(Beginning of THE DATA)
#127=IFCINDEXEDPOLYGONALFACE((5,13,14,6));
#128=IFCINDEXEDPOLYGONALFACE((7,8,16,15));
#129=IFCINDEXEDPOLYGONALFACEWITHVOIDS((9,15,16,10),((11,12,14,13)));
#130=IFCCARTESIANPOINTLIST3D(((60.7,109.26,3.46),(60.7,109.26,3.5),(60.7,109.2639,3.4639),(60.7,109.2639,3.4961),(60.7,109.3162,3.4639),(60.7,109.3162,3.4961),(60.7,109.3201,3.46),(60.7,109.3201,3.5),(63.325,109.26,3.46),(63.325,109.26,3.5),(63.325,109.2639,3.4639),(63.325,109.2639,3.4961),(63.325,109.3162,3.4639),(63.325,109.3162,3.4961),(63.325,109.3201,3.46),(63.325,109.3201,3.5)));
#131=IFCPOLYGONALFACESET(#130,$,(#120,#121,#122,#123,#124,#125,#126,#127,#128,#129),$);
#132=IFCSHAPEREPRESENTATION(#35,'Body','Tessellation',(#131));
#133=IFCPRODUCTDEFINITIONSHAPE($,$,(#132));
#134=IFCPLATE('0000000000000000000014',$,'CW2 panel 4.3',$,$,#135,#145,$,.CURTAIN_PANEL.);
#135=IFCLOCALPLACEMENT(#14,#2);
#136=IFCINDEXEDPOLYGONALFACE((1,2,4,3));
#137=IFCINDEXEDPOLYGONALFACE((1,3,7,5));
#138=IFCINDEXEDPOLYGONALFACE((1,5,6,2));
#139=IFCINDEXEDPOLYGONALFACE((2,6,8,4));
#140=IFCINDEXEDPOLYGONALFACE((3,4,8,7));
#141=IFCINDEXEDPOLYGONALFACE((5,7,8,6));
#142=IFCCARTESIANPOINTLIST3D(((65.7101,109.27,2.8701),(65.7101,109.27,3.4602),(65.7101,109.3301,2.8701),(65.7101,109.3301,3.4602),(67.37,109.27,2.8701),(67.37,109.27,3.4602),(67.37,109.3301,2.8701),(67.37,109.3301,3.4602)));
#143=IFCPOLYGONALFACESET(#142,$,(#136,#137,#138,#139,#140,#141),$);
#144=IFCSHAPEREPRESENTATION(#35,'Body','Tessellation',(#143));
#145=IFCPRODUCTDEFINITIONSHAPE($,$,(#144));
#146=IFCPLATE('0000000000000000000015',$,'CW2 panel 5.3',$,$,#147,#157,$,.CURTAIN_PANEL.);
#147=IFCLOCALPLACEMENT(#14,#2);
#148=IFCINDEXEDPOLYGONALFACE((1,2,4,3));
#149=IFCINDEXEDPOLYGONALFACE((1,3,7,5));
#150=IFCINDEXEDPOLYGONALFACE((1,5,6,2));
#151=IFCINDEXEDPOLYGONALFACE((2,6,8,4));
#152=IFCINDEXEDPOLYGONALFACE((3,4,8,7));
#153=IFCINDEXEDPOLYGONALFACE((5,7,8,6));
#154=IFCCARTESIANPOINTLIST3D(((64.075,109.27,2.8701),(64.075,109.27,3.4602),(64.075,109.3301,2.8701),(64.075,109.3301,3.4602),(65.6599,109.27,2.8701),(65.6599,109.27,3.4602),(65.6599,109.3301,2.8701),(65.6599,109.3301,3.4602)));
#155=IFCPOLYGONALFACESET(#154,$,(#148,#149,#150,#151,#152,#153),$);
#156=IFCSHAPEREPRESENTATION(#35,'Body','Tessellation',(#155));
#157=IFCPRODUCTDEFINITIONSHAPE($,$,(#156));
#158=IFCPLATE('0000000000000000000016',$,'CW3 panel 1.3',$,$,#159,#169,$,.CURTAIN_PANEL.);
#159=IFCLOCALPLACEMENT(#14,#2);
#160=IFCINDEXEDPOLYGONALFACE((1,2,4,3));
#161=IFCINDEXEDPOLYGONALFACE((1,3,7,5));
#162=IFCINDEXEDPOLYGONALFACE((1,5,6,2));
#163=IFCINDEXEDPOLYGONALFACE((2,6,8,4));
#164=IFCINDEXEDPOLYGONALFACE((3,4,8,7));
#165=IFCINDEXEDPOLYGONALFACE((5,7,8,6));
(End of THE DATA)
An exact restatement of the lines from the one with "#159=IFCLOCALPLACEMENT(#14,#2);" through the last line of the data is the only acceptable answer.

_SOLVED EXERCISE_
#159=IFCLOCALPLACEMENT(#14,#2);
#160=IFCINDEXEDPOLYGONALFACE((1,2,4,3));
#161=IFCINDEXEDPOLYGONALFACE((1,3,7,5));
#162=IFCINDEXEDPOLYGONALFACE((1,5,6,2));
#163=IFCINDEXEDPOLYGONALFACE((2,6,8,4));
#164=IFCINDEXEDPOLYGONALFACE((3,4,8,7));
#165=IFCINDEXEDPOLYGONALFACE((5,7,8,6));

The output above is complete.